=== Begin Enclosure ===

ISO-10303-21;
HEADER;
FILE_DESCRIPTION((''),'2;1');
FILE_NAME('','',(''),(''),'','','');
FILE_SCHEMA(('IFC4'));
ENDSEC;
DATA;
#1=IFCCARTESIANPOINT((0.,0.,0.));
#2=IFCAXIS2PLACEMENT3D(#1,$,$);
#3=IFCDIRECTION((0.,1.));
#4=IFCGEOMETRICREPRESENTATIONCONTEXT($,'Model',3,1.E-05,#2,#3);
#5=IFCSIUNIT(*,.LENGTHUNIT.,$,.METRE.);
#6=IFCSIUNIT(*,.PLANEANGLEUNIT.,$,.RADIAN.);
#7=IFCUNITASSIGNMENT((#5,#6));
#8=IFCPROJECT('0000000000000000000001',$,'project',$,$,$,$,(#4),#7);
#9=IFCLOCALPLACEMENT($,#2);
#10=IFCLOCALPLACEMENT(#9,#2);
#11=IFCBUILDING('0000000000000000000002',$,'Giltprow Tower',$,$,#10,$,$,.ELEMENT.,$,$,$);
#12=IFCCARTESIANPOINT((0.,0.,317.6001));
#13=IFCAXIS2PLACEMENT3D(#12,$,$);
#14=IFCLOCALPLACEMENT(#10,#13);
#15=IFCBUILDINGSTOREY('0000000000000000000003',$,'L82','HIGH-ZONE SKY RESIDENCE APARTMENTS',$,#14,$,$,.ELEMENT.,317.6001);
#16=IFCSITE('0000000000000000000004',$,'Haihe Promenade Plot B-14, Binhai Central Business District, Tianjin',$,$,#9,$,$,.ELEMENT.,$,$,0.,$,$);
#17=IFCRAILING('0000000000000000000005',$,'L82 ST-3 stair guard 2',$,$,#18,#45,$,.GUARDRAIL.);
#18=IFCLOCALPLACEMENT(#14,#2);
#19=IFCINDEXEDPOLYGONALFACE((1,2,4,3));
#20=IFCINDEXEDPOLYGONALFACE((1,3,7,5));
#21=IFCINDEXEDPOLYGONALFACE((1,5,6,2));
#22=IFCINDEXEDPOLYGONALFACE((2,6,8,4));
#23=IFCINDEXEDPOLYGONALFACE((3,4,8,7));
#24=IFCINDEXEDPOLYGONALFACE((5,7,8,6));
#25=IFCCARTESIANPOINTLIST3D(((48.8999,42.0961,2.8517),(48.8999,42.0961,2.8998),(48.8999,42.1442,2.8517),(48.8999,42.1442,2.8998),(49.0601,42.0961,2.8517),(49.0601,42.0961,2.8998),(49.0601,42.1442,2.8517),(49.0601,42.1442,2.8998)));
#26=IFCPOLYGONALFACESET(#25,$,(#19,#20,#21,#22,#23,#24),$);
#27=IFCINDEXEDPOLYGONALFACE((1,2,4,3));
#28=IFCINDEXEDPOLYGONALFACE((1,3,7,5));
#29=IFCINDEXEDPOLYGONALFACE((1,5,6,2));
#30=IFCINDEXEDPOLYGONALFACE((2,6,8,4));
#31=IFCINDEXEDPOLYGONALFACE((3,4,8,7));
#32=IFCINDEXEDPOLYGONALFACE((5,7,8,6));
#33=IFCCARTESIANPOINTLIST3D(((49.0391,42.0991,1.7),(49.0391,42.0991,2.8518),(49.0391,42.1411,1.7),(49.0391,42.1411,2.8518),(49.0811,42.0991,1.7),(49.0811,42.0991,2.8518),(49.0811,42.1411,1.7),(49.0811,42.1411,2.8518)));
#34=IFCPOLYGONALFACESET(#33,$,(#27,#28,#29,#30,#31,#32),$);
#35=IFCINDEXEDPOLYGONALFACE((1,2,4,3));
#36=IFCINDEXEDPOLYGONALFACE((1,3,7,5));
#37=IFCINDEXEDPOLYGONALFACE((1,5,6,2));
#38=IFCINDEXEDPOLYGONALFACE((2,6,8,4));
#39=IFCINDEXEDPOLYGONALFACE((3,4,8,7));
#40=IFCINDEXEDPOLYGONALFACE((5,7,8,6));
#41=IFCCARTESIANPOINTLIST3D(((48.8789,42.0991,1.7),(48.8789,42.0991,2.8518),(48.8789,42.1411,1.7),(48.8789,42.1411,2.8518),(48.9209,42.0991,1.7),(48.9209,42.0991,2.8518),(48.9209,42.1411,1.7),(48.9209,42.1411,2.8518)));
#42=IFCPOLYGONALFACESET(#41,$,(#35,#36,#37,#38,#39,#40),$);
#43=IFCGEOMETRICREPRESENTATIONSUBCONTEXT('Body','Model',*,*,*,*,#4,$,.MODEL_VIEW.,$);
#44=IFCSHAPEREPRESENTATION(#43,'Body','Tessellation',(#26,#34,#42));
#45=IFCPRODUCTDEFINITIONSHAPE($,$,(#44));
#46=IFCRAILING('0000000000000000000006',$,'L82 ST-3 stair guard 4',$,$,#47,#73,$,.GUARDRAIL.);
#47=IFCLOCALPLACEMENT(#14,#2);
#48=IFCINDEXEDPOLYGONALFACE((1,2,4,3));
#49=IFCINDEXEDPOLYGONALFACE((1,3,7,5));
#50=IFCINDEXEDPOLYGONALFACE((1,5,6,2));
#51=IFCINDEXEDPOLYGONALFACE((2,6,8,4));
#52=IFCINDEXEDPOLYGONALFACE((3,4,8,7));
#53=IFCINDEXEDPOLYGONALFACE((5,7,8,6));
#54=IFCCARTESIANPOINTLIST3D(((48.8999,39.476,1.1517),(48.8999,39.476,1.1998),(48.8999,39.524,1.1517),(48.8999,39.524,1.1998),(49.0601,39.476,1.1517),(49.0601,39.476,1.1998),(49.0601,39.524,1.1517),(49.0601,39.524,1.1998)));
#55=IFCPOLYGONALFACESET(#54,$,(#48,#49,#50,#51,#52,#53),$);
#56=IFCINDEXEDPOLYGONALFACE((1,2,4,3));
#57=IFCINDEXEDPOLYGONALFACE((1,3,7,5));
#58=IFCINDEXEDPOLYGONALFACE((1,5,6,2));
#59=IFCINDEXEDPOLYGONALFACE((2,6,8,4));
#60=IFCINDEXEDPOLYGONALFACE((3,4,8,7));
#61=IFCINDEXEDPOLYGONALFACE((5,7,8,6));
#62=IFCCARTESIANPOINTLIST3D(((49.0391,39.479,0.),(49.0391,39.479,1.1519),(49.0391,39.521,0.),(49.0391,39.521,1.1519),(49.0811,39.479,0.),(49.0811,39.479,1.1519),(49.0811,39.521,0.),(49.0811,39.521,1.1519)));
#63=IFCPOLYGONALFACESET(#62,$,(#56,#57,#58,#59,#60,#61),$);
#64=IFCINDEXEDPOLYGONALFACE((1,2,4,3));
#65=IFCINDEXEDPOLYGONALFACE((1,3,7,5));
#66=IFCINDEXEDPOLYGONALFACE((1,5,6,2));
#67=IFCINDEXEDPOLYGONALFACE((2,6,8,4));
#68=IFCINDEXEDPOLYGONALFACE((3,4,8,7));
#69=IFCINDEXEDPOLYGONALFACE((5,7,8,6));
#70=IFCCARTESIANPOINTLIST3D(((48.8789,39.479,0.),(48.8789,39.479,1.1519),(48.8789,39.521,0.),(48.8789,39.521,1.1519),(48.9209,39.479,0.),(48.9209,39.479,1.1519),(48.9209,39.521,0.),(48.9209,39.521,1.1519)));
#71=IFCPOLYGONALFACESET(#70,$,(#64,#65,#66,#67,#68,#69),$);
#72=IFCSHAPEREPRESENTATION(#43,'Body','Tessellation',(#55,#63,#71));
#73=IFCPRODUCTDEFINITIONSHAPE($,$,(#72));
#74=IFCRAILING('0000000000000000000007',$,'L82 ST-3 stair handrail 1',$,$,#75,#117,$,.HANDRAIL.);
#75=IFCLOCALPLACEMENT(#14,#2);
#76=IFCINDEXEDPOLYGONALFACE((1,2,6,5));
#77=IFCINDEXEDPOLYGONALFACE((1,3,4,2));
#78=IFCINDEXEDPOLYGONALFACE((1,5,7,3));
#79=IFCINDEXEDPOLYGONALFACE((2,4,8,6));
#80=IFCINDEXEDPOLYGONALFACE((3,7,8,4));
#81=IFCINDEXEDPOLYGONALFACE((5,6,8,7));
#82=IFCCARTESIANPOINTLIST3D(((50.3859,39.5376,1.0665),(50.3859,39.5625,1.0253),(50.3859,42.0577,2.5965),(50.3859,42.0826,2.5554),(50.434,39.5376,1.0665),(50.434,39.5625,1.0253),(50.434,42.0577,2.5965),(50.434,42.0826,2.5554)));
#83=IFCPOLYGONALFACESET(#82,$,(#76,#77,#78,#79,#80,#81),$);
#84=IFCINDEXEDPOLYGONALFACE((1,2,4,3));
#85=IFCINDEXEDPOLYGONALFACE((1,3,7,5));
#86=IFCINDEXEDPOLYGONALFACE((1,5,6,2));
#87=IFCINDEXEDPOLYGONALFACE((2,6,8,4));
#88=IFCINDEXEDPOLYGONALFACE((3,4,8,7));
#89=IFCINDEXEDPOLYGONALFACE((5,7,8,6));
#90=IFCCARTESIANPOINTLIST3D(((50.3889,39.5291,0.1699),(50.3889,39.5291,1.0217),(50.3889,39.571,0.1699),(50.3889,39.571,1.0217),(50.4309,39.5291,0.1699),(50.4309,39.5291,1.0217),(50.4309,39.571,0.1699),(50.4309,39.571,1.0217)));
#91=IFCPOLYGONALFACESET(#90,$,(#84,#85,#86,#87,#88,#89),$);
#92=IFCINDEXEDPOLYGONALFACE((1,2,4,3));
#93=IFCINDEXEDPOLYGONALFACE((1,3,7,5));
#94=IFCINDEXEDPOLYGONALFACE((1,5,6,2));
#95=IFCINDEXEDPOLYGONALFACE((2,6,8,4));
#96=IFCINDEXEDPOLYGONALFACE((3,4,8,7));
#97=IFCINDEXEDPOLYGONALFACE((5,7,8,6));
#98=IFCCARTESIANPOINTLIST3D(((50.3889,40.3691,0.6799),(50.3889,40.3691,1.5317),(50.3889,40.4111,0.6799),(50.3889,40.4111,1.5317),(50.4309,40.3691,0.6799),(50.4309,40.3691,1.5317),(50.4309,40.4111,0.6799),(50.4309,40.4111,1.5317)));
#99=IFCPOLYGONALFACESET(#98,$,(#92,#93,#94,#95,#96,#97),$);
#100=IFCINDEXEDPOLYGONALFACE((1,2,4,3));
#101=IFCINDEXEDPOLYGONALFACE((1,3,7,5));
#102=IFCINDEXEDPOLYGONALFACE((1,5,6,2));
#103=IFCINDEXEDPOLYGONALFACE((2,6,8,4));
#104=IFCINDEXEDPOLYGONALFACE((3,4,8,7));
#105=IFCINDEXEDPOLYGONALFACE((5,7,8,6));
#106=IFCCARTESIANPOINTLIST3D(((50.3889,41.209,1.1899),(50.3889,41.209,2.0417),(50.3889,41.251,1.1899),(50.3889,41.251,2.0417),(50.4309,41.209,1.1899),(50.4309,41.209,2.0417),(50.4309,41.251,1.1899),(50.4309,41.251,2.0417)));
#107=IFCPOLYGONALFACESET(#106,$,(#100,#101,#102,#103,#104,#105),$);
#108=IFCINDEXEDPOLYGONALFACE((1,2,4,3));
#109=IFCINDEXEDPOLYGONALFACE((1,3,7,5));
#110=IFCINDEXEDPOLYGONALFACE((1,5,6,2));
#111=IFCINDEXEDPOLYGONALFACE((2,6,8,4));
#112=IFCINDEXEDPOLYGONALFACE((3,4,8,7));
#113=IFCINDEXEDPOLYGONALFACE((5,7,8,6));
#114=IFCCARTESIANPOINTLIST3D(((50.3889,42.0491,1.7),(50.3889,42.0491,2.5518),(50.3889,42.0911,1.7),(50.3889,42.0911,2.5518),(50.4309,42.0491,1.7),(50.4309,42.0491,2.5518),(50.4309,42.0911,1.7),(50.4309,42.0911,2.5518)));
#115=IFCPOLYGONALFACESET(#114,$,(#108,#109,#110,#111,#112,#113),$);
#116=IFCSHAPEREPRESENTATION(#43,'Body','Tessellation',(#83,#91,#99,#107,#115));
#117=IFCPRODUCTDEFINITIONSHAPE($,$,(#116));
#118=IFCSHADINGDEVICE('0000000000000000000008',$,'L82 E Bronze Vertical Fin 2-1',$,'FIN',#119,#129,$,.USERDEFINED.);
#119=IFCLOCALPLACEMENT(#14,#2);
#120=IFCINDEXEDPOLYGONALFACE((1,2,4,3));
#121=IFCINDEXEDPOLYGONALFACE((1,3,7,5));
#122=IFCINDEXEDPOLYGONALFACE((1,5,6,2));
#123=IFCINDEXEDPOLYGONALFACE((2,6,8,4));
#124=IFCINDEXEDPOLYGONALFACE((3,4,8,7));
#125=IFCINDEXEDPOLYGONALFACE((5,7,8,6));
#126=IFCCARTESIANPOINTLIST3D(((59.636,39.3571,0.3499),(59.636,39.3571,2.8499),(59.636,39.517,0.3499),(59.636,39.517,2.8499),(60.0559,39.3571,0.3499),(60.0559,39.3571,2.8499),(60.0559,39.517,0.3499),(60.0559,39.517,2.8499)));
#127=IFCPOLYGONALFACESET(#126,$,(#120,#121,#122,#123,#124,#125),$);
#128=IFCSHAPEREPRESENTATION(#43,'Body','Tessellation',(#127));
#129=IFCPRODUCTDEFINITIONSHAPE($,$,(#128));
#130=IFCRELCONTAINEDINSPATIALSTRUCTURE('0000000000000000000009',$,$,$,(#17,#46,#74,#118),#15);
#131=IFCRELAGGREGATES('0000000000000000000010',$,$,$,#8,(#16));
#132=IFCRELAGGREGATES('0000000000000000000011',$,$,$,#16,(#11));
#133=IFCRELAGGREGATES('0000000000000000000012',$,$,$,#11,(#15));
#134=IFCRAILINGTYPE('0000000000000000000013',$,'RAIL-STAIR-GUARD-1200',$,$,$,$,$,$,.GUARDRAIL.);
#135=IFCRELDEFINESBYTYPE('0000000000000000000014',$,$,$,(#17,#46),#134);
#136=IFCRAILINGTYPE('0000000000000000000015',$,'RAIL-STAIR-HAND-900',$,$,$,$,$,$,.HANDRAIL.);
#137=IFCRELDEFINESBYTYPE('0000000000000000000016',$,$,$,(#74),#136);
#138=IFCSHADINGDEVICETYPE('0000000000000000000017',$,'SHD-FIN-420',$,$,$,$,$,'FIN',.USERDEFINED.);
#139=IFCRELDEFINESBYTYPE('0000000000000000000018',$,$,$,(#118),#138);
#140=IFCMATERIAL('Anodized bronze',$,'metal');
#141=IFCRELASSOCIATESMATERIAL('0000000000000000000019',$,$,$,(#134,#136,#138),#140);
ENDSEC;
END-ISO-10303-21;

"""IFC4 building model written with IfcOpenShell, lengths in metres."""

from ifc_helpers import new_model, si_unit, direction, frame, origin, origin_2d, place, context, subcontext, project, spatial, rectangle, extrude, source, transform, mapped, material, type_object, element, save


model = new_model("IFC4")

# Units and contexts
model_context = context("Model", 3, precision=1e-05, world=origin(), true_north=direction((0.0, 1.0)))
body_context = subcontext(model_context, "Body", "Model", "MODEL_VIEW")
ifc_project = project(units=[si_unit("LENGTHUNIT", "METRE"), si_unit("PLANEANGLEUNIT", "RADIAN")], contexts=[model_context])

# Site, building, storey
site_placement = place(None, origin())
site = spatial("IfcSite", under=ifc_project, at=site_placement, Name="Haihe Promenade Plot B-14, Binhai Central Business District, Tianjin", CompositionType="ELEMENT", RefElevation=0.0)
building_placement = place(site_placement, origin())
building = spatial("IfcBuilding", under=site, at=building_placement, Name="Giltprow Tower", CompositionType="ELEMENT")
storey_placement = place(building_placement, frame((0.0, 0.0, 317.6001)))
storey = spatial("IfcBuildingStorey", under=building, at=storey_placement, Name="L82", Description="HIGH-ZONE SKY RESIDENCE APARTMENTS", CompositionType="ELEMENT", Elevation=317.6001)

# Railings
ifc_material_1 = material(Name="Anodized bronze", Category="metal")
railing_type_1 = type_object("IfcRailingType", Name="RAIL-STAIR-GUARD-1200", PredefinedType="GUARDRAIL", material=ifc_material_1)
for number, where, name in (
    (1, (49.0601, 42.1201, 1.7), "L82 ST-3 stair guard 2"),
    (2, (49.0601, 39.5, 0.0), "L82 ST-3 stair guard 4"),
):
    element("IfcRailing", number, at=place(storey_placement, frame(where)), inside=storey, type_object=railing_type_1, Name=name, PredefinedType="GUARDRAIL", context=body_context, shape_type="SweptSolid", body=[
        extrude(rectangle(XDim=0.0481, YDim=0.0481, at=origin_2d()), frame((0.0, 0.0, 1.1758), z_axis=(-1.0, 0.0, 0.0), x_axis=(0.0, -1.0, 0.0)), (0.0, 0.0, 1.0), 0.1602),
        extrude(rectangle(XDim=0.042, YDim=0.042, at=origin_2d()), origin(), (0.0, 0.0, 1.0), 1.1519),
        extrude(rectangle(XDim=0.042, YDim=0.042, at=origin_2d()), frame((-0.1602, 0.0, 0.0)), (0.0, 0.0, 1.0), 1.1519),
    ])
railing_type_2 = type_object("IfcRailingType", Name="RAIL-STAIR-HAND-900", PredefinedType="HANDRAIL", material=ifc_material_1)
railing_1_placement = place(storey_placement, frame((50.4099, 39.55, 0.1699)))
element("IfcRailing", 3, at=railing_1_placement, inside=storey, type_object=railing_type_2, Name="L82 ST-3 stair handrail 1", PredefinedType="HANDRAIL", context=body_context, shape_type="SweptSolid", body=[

=== End Enclosure ===

Work request
Taking the listing above as the source, transcribe only the lines starting at the line with "#99=IFCPOLYGONALFACESET(#98,$,(#92,#93,#94,#95,#96,#97),$);" and going through the line with "#105=IFCINDEXEDPOLYGONALFACE((5,7,8,6));", unaltered and with both ends included.

Task response
#99=IFCPOLYGONALFACESET(#98,$,(#92,#93,#94,#95,#96,#97),$);
#100=IFCINDEXEDPOLYGONALFACE((1,2,4,3));
#101=IFCINDEXEDPOLYGONALFACE((1,3,7,5));
#102=IFCINDEXEDPOLYGONALFACE((1,5,6,2));
#103=IFCINDEXEDPOLYGONALFACE((2,6,8,4));
#104=IFCINDEXEDPOLYGONALFACE((3,4,8,7));
#105=IFCINDEXEDPOLYGONALFACE((5,7,8,6));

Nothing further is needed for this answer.